Your goal. Report how many lines below include "number", giving the figure alone.

[Saved data entries]
--- --- ---
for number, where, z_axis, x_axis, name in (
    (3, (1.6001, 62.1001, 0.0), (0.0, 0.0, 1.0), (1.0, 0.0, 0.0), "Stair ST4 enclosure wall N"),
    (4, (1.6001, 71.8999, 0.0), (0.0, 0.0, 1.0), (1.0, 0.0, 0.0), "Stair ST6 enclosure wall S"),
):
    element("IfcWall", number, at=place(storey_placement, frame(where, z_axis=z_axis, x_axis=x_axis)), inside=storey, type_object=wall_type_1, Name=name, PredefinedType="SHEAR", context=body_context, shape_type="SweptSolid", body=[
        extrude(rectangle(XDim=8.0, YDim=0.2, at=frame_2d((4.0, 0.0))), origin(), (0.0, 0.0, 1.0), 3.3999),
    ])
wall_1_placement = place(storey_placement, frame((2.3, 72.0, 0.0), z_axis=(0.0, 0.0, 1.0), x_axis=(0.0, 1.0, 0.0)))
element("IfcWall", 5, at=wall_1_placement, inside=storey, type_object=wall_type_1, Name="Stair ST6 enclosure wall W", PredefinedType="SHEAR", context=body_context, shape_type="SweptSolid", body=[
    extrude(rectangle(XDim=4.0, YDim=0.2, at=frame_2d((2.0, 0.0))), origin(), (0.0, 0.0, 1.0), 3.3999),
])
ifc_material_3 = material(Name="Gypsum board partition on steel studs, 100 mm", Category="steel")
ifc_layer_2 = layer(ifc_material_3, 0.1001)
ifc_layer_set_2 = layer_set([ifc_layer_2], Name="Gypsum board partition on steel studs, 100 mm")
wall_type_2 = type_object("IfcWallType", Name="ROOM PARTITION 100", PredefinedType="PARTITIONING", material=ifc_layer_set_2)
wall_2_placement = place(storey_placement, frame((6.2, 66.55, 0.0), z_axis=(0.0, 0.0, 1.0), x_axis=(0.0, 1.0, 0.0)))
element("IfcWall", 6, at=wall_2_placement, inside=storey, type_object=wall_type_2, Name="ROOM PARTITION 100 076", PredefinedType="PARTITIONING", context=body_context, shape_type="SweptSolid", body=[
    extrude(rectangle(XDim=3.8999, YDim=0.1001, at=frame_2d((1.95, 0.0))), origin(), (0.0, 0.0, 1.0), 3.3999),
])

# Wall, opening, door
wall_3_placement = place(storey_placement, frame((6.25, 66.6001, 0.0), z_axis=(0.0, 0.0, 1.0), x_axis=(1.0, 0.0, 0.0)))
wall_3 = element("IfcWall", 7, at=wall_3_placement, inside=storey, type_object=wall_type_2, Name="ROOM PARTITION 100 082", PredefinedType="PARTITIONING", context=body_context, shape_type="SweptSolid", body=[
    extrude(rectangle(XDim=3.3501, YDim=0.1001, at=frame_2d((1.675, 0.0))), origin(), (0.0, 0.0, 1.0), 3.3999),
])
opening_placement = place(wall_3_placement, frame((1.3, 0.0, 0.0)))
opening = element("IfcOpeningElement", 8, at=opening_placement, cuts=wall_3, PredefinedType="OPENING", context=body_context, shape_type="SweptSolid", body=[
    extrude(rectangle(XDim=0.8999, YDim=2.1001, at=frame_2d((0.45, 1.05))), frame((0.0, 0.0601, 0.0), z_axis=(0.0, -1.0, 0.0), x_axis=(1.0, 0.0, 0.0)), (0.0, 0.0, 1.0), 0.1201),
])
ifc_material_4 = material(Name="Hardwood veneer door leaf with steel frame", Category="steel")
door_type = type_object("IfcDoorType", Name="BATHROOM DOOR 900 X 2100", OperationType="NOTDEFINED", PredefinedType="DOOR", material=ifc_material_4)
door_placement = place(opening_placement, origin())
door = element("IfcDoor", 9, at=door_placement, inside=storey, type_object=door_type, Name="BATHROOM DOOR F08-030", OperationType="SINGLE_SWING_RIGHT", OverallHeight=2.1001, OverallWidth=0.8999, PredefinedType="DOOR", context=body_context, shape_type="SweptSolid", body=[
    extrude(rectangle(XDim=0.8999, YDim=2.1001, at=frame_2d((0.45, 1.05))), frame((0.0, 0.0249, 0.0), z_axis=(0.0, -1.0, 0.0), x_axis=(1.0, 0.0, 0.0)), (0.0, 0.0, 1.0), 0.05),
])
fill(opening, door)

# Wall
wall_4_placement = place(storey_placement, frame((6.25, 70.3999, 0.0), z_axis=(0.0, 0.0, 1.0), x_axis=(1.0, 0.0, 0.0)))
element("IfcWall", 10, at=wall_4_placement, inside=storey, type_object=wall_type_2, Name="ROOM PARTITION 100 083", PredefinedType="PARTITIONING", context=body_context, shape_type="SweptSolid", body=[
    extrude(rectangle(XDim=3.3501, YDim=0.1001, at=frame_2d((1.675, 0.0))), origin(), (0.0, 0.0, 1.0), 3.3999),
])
--- --- ---
Output of the exercise. 2